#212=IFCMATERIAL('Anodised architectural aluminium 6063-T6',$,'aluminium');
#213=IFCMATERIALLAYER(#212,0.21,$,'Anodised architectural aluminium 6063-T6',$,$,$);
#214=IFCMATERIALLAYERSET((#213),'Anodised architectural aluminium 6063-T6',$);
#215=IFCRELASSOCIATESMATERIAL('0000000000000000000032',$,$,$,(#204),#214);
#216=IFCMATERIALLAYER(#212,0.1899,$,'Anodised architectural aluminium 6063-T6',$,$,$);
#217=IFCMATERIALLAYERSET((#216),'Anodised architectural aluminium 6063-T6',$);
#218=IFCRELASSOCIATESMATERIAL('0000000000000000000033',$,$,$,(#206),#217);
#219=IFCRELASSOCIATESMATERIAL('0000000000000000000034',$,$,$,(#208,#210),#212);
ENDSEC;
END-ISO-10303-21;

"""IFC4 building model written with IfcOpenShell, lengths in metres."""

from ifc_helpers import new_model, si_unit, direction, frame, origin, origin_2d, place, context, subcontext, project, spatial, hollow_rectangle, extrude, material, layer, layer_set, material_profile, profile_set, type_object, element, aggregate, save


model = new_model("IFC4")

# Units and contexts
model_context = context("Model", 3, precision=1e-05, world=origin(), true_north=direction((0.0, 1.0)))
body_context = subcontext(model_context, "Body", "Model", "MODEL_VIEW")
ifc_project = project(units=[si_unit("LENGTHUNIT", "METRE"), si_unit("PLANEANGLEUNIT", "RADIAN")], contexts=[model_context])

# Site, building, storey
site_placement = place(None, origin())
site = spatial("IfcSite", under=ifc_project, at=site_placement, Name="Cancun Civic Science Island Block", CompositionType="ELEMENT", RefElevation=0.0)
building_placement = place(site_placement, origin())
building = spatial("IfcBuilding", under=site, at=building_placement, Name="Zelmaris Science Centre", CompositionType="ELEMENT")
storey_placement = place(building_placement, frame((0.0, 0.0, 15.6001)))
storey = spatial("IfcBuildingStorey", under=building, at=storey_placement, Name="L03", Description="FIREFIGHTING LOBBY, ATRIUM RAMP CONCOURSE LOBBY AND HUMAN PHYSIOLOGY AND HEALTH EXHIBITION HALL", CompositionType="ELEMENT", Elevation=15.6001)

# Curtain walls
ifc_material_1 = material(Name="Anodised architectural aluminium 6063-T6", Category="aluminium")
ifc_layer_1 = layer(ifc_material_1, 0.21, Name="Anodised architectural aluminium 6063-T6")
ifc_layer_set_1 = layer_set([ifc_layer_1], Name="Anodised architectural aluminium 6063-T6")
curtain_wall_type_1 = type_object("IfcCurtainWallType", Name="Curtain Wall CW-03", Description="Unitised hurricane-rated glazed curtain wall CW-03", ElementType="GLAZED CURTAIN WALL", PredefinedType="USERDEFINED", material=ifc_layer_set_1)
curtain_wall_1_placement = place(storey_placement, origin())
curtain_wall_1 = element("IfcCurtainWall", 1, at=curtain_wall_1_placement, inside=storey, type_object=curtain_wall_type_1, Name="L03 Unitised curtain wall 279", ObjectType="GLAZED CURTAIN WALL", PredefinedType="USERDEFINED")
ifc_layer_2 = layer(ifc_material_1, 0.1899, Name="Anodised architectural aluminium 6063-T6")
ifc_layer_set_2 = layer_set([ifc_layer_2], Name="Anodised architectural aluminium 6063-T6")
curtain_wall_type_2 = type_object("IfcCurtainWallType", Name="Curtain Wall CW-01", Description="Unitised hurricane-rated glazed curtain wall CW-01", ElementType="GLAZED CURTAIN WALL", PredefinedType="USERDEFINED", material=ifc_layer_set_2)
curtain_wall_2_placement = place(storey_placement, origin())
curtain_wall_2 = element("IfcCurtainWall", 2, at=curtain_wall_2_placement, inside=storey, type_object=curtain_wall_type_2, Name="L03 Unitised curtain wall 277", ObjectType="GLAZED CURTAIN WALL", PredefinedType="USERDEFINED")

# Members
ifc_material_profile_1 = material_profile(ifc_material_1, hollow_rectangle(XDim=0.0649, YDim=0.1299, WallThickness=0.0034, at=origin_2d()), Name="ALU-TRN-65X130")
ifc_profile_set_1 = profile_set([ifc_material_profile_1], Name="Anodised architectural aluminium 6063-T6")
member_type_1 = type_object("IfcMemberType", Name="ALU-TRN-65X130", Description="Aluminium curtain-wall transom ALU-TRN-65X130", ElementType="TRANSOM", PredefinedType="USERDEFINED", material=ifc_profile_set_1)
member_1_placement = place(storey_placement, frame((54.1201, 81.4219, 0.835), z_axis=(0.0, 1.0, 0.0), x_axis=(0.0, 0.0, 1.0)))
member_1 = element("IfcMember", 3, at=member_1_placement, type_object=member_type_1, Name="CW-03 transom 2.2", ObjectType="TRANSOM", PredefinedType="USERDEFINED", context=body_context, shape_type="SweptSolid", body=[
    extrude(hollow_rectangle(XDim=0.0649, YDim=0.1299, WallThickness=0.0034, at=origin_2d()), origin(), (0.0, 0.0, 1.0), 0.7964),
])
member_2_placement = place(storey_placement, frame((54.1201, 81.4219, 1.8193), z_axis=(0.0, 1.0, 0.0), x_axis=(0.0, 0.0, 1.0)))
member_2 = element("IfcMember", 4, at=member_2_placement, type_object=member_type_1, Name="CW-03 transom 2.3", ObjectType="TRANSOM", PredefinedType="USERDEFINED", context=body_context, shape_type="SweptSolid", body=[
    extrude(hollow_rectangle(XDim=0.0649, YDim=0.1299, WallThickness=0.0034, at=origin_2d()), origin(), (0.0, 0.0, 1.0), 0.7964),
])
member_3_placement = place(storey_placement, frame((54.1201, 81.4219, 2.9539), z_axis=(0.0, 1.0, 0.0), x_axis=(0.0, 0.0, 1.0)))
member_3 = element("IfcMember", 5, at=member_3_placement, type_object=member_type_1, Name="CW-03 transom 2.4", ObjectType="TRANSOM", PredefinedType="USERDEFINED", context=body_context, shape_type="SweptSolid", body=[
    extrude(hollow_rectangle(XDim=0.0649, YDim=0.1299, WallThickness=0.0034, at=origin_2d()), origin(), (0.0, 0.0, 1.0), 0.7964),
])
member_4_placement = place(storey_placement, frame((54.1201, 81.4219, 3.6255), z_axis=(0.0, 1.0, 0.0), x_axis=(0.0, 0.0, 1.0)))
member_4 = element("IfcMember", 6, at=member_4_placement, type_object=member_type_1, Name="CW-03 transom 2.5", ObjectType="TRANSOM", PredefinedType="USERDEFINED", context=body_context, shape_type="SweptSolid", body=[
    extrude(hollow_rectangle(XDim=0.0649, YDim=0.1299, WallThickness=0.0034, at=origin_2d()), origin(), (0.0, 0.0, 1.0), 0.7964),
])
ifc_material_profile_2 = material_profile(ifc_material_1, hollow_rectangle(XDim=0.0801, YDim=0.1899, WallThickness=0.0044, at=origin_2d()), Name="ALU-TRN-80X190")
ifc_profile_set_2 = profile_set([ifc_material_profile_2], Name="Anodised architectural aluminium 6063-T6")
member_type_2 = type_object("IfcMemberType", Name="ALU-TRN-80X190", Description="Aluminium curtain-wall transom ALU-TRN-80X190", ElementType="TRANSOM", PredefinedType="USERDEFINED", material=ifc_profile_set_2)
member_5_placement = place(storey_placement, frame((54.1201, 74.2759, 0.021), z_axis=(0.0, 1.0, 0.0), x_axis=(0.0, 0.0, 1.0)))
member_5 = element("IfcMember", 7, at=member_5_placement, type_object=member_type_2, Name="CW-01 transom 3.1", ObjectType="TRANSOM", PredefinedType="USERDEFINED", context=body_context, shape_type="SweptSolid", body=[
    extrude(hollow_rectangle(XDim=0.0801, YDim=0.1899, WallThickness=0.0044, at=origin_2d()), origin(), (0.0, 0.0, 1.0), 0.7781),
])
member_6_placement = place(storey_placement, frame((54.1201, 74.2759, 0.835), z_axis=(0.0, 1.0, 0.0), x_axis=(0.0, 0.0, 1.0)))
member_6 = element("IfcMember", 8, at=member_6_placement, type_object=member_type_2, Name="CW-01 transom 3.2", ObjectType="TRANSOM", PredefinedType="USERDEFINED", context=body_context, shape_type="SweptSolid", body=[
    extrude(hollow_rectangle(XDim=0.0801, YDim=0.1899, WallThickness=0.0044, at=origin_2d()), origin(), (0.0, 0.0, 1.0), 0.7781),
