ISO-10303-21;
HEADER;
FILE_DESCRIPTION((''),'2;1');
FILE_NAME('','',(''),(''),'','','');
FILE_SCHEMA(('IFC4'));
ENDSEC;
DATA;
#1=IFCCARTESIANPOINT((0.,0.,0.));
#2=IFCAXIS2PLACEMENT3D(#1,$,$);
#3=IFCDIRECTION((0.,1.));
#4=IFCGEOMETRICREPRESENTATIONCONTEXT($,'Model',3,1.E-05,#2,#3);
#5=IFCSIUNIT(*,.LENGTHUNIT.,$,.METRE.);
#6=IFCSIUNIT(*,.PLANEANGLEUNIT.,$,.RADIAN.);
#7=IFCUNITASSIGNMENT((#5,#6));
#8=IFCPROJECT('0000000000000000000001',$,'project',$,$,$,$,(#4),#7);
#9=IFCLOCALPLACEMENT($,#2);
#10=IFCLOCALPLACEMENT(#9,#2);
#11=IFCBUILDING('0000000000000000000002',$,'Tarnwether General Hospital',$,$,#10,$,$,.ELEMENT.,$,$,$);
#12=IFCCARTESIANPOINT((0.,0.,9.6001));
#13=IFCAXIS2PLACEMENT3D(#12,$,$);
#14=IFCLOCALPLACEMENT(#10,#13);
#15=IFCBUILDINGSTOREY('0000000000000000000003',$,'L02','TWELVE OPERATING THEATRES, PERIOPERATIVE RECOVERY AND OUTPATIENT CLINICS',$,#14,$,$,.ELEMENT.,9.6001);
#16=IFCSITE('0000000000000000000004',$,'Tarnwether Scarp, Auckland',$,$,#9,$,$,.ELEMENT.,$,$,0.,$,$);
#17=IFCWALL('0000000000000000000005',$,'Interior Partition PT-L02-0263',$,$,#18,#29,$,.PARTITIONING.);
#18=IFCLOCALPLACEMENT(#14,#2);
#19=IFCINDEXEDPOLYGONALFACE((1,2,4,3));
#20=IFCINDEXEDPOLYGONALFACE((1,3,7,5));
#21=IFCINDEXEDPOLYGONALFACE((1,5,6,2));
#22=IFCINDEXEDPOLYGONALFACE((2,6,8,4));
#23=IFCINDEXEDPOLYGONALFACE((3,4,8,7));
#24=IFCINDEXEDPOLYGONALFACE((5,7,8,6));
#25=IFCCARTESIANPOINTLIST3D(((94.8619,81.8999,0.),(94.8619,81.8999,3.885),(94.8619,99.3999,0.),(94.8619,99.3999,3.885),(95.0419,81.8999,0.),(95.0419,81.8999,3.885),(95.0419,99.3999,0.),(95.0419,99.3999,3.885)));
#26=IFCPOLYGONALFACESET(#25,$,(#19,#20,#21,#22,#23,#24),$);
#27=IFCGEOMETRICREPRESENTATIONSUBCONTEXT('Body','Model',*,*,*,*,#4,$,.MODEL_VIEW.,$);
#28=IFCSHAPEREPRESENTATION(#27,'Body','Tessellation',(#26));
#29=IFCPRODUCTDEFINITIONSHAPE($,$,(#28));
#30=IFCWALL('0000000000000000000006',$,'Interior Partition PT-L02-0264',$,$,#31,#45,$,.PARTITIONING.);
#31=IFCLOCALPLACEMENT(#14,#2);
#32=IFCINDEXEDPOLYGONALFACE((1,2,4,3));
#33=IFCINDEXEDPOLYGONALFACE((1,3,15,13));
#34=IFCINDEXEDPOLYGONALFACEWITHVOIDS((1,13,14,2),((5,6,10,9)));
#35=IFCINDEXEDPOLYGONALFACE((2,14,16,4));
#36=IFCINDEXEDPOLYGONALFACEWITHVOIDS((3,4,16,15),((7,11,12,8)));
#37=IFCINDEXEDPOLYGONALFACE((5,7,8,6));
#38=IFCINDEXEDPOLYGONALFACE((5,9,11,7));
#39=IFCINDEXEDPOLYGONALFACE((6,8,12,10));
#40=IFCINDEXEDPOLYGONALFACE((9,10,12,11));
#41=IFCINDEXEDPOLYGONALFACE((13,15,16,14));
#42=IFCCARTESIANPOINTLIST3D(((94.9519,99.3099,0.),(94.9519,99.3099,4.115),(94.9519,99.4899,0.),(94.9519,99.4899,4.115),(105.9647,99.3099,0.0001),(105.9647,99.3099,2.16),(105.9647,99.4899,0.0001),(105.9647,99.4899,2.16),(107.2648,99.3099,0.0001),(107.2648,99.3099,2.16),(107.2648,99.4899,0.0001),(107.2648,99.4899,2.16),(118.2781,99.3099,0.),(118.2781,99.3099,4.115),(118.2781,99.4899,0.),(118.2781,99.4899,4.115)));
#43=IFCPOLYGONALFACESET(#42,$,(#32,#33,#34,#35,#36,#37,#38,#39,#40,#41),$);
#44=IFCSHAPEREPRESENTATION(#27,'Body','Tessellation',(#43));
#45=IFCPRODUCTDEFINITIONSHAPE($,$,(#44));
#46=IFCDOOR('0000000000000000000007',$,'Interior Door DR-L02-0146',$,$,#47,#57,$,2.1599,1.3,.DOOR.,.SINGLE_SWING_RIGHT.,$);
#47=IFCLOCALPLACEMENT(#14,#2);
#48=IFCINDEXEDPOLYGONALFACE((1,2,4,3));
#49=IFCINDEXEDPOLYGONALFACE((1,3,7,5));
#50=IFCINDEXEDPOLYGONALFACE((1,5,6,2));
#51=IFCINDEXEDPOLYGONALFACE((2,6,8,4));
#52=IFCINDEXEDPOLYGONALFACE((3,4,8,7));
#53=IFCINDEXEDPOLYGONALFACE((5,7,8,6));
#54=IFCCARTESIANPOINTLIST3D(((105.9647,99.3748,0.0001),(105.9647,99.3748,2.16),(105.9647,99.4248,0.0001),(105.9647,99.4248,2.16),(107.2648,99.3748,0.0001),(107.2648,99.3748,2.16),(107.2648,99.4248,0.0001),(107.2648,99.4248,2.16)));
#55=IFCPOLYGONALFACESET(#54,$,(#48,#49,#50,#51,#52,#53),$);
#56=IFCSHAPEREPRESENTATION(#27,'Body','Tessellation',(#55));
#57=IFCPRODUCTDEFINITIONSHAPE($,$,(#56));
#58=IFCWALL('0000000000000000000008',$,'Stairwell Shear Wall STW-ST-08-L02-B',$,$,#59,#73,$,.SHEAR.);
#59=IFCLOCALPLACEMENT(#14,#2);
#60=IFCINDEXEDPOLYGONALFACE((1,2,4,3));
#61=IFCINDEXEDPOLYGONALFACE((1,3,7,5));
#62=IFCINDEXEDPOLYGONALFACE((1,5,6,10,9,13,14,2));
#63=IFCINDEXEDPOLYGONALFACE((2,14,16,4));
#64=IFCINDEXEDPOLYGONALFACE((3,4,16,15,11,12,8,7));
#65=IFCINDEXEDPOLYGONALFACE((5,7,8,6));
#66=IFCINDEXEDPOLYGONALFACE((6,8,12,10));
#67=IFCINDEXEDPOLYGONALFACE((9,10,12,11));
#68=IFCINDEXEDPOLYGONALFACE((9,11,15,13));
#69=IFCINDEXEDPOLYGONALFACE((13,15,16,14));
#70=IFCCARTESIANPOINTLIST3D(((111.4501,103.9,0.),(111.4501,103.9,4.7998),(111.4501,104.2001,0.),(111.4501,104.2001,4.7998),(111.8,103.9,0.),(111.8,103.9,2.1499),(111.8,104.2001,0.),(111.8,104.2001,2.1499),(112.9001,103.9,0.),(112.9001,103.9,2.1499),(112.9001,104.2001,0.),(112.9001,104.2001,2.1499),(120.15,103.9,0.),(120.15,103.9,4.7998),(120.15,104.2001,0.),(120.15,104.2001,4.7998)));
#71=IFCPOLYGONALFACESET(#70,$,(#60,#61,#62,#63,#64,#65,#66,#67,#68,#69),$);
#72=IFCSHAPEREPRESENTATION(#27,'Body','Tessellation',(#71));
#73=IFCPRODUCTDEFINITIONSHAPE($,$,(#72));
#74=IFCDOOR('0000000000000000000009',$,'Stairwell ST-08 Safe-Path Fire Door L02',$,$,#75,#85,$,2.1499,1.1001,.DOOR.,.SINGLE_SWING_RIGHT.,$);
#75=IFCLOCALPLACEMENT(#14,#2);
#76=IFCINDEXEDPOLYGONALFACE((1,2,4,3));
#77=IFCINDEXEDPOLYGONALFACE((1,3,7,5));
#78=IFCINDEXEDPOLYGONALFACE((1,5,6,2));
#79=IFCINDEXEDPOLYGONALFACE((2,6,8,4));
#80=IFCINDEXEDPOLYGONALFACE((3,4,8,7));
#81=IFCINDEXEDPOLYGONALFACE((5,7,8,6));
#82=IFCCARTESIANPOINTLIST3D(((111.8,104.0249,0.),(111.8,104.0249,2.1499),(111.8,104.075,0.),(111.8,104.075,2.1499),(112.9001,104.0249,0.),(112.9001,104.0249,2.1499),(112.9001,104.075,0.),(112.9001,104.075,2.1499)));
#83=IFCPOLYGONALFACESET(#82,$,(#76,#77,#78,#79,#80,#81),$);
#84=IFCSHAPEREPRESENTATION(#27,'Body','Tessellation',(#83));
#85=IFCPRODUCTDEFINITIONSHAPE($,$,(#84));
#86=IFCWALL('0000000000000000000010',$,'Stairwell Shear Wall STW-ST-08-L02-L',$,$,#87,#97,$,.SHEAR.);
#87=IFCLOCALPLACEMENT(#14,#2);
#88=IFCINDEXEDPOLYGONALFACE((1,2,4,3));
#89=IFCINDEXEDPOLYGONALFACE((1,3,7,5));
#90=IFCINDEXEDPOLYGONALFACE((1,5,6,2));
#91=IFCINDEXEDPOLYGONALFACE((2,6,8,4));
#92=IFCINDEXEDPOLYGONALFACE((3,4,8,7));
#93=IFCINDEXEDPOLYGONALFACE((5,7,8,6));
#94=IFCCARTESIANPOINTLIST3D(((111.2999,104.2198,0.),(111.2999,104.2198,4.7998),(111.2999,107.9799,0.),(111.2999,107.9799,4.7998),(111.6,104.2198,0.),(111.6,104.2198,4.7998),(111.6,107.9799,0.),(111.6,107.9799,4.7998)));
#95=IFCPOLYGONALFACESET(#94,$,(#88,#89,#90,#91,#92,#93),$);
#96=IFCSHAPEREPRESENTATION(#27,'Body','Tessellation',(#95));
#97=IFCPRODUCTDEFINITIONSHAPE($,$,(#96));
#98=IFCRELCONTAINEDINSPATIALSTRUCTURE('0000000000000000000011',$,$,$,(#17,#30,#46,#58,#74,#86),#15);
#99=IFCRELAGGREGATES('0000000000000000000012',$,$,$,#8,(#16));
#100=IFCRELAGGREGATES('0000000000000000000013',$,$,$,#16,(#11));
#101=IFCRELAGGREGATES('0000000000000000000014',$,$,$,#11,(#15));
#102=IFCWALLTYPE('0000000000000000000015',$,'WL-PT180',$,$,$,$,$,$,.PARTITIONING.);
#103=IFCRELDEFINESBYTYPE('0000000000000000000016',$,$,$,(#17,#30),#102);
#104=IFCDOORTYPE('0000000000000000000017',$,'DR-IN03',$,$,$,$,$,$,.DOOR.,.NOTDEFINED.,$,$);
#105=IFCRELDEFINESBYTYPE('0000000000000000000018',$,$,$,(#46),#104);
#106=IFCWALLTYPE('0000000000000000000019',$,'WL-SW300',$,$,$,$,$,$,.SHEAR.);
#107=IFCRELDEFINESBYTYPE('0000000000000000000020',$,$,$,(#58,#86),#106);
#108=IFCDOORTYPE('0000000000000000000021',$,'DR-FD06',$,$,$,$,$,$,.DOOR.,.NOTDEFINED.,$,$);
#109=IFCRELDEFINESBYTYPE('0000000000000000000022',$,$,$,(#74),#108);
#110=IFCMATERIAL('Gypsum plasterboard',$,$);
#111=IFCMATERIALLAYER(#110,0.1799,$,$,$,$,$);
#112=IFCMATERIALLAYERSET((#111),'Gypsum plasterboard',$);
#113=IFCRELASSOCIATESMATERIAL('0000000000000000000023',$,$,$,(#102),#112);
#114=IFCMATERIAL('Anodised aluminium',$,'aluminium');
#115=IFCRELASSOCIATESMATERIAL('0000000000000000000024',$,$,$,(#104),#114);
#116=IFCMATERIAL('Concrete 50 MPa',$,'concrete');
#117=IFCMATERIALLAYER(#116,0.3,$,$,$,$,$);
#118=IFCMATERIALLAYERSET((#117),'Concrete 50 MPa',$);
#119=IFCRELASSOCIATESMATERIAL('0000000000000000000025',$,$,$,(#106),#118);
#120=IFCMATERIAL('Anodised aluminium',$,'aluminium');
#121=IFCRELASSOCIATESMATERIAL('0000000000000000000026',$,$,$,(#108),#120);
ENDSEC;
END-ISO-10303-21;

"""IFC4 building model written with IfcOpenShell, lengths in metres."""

from ifc_helpers import new_model, si_unit, direction, frame, frame_2d, origin, place, context, subcontext, project, spatial, rectangle, extrude, material, layer, layer_set, type_object, element, fill, save


model = new_model("IFC4")

# Units and contexts
model_context = context("Model", 3, precision=1e-05, world=origin(), true_north=direction((0.0, 1.0)))
body_context = subcontext(model_context, "Body", "Model", "MODEL_VIEW")
ifc_project = project(units=[si_unit("LENGTHUNIT", "METRE"), si_unit("PLANEANGLEUNIT", "RADIAN")], contexts=[model_context])

# Site, building, storey
site_placement = place(None, origin())
site = spatial("IfcSite", under=ifc_project, at=site_placement, Name="Tarnwether Scarp, Auckland", CompositionType="ELEMENT", RefElevation=0.0)
building_placement = place(site_placement, origin())
building = spatial("IfcBuilding", under=site, at=building_placement, Name="Tarnwether General Hospital", CompositionType="ELEMENT")
storey_placement = place(building_placement, frame((0.0, 0.0, 9.6001)))
storey = spatial("IfcBuildingStorey", under=building, at=storey_placement, Name="L02", Description="TWELVE OPERATING THEATRES, PERIOPERATIVE RECOVERY AND OUTPATIENT CLINICS", CompositionType="ELEMENT", Elevation=9.6001)

# Wall
ifc_material_1 = material(Name="Gypsum plasterboard")
ifc_layer_1 = layer(ifc_material_1, 0.1799)
ifc_layer_set_1 = layer_set([ifc_layer_1], Name="Gypsum plasterboard")
wall_type_1 = type_object("IfcWallType", Name="WL-PT180", PredefinedType="PARTITIONING", material=ifc_layer_set_1)
wall_1_placement = place(storey_placement, frame((94.9519, 81.8999, 0.0), z_axis=(0.0, 0.0, 1.0), x_axis=(0.0, 1.0, 0.0)))
element("IfcWall", 1, at=wall_1_placement, inside=storey, type_object=wall_type_1, Name="Interior Partition PT-L02-0263", PredefinedType="PARTITIONING", context=body_context, shape_type="SweptSolid", body=[
    extrude(rectangle(XDim=17.5, YDim=0.1799, at=frame_2d((8.75, 0.0))), origin(), (0.0, 0.0, 1.0), 3.885),
])

# Walls, openings, doors
wall_2_placement = place(storey_placement, frame((94.9519, 99.3999, 0.0), z_axis=(0.0, 0.0, 1.0), x_axis=(1.0, 0.0, 0.0)))
wall_2 = element("IfcWall", 2, at=wall_2_placement, inside=storey, type_object=wall_type_1, Name="Interior Partition PT-L02-0264", PredefinedType="PARTITIONING", context=body_context, shape_type="SweptSolid", body=[
    extrude(rectangle(XDim=23.3262, YDim=0.1799, at=frame_2d((11.6631, 0.0))), origin(), (0.0, 0.0, 1.0), 4.115),
])
opening_1_placement = place(wall_2_placement, frame((11.0129, 0.0, 0.0)))
opening_1 = element("IfcOpeningElement", 3, at=opening_1_placement, cuts=wall_2, PredefinedType="OPENING", context=body_context, shape_type="SweptSolid", body=[
    extrude(rectangle(XDim=1.3, YDim=2.1599, at=frame_2d((0.6499, 1.0801))), frame((0.0, 0.1001, 0.0), z_axis=(0.0, -1.0, 0.0), x_axis=(1.0, 0.0, 0.0)), (0.0, 0.0, 1.0), 0.2),
])
ifc_material_2 = material(Name="Anodised aluminium", Category="aluminium")
door_type_1 = type_object("IfcDoorType", Name="DR-IN03", OperationType="NOTDEFINED", PredefinedType="DOOR", material=ifc_material_2)
door_1_placement = place(opening_1_placement, origin())
door_1 = element("IfcDoor", 4, at=door_1_placement, inside=storey, type_object=door_type_1, Name="Interior Door DR-L02-0146", OperationType="SINGLE_SWING_RIGHT", OverallHeight=2.1599, OverallWidth=1.3, PredefinedType="DOOR", context=body_context, shape_type="SweptSolid", body=[
    extrude(rectangle(XDim=1.3, YDim=2.1599, at=frame_2d((0.6499, 1.0801))), frame((0.0, 0.0249, 0.0), z_axis=(0.0, -1.0, 0.0), x_axis=(1.0, 0.0, 0.0)), (0.0, 0.0, 1.0), 0.05),
])
fill(opening_1, door_1)
ifc_material_3 = material(Name="Concrete 50 MPa", Category="concrete")
ifc_layer_2 = layer(ifc_material_3, 0.3)
ifc_layer_set_2 = layer_set([ifc_layer_2], Name="Concrete 50 MPa")
wall_type_2 = type_object("IfcWallType", Name="WL-SW300", PredefinedType="SHEAR", material=ifc_layer_set_2)
wall_3_placement = place(storey_placement, frame((111.45, 104.05, 0.0), z_axis=(0.0, 0.0, 1.0), x_axis=(1.0, 0.0, 0.0)))
wall_3 = element("IfcWall", 5, at=wall_3_placement, inside=storey, type_object=wall_type_2, Name="Stairwell Shear Wall STW-ST-08-L02-B", PredefinedType="SHEAR", context=body_context, shape_type="SweptSolid", body=[
    extrude(rectangle(XDim=8.7, YDim=0.3, at=frame_2d((4.3501, 0.0))), origin(), (0.0, 0.0, 1.0), 4.7998),
])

• **Task prompt**
Across the listing above, count every line containing the string "IFCSIUNIT" and give the result with no comment.

• **Answer for this exercise**
2